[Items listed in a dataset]
++++
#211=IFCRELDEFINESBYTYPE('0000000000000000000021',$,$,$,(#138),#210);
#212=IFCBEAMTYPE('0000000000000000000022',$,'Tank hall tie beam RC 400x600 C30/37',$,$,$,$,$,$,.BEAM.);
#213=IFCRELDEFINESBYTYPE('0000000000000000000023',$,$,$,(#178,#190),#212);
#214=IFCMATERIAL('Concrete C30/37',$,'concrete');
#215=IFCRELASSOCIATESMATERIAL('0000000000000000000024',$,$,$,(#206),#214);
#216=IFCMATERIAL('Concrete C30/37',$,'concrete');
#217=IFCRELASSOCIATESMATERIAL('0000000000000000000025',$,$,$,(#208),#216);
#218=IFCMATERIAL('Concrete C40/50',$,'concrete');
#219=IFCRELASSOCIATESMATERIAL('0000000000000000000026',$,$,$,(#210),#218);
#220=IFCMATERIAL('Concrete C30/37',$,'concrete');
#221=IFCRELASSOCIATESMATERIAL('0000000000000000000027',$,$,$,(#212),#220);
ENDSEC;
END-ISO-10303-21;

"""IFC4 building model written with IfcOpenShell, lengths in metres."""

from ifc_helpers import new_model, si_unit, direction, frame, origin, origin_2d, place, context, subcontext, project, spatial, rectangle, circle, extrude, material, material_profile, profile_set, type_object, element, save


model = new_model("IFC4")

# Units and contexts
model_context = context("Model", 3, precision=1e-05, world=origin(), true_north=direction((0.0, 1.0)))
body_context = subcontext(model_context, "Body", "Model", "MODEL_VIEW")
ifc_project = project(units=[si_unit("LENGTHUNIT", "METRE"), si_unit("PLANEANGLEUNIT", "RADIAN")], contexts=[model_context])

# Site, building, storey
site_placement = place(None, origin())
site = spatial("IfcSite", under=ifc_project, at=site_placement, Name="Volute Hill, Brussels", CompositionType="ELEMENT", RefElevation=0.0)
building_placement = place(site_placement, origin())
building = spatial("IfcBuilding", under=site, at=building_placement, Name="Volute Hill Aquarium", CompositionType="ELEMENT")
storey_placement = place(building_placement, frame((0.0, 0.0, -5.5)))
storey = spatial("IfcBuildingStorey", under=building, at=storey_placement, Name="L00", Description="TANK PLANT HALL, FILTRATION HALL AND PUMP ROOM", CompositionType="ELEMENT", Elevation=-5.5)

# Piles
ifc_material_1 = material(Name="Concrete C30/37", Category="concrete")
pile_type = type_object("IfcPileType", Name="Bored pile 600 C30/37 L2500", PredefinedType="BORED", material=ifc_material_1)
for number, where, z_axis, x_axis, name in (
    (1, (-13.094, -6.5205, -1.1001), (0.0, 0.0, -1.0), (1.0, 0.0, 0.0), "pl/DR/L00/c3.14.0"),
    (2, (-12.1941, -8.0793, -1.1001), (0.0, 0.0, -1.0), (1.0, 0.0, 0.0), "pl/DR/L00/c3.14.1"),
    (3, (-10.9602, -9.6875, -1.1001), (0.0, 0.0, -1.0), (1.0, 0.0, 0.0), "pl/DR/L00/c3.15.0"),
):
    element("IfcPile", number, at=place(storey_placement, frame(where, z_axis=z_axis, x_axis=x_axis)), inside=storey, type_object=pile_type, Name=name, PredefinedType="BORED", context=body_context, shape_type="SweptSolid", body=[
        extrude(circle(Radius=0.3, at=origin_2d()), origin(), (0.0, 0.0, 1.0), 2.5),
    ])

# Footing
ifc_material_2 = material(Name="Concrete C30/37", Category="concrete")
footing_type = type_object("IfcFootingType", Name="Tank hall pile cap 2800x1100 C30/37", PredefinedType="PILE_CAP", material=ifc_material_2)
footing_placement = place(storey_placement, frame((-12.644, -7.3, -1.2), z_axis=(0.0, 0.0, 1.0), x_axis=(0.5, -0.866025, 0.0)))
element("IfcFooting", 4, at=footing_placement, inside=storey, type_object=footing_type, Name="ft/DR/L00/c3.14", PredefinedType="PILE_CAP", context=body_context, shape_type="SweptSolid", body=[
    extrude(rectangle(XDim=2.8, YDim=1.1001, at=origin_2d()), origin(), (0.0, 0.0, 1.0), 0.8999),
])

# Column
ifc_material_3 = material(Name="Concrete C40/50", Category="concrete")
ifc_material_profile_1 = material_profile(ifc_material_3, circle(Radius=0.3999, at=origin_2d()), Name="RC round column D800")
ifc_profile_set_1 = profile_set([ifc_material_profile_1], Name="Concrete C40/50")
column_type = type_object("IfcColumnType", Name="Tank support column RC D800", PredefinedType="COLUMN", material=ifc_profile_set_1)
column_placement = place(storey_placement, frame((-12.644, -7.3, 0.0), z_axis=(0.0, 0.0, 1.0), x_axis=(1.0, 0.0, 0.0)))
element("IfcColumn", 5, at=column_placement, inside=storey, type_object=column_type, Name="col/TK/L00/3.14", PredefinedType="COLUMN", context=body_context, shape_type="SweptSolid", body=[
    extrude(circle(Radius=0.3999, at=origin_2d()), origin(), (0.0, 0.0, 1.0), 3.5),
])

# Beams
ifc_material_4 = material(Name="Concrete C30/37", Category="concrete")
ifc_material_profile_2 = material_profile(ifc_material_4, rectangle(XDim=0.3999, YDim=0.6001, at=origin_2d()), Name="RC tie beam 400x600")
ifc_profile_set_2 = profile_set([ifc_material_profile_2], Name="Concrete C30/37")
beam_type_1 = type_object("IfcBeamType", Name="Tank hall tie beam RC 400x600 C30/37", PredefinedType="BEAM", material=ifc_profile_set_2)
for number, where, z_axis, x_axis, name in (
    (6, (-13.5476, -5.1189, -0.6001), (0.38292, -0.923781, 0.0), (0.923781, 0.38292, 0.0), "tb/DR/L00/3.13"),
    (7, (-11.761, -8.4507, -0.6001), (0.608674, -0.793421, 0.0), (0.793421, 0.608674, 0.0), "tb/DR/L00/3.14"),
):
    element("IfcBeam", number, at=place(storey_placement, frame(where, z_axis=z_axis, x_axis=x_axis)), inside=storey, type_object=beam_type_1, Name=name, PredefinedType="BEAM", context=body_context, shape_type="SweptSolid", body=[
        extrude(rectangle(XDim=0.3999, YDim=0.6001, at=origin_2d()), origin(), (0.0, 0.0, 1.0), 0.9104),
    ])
++++
**ABOUT THIS EXERCISE:** Tally the lines of the records that contain the word "IFCMATERIAL" and state the total alone.

**PROBLEM SOLUTION:** 4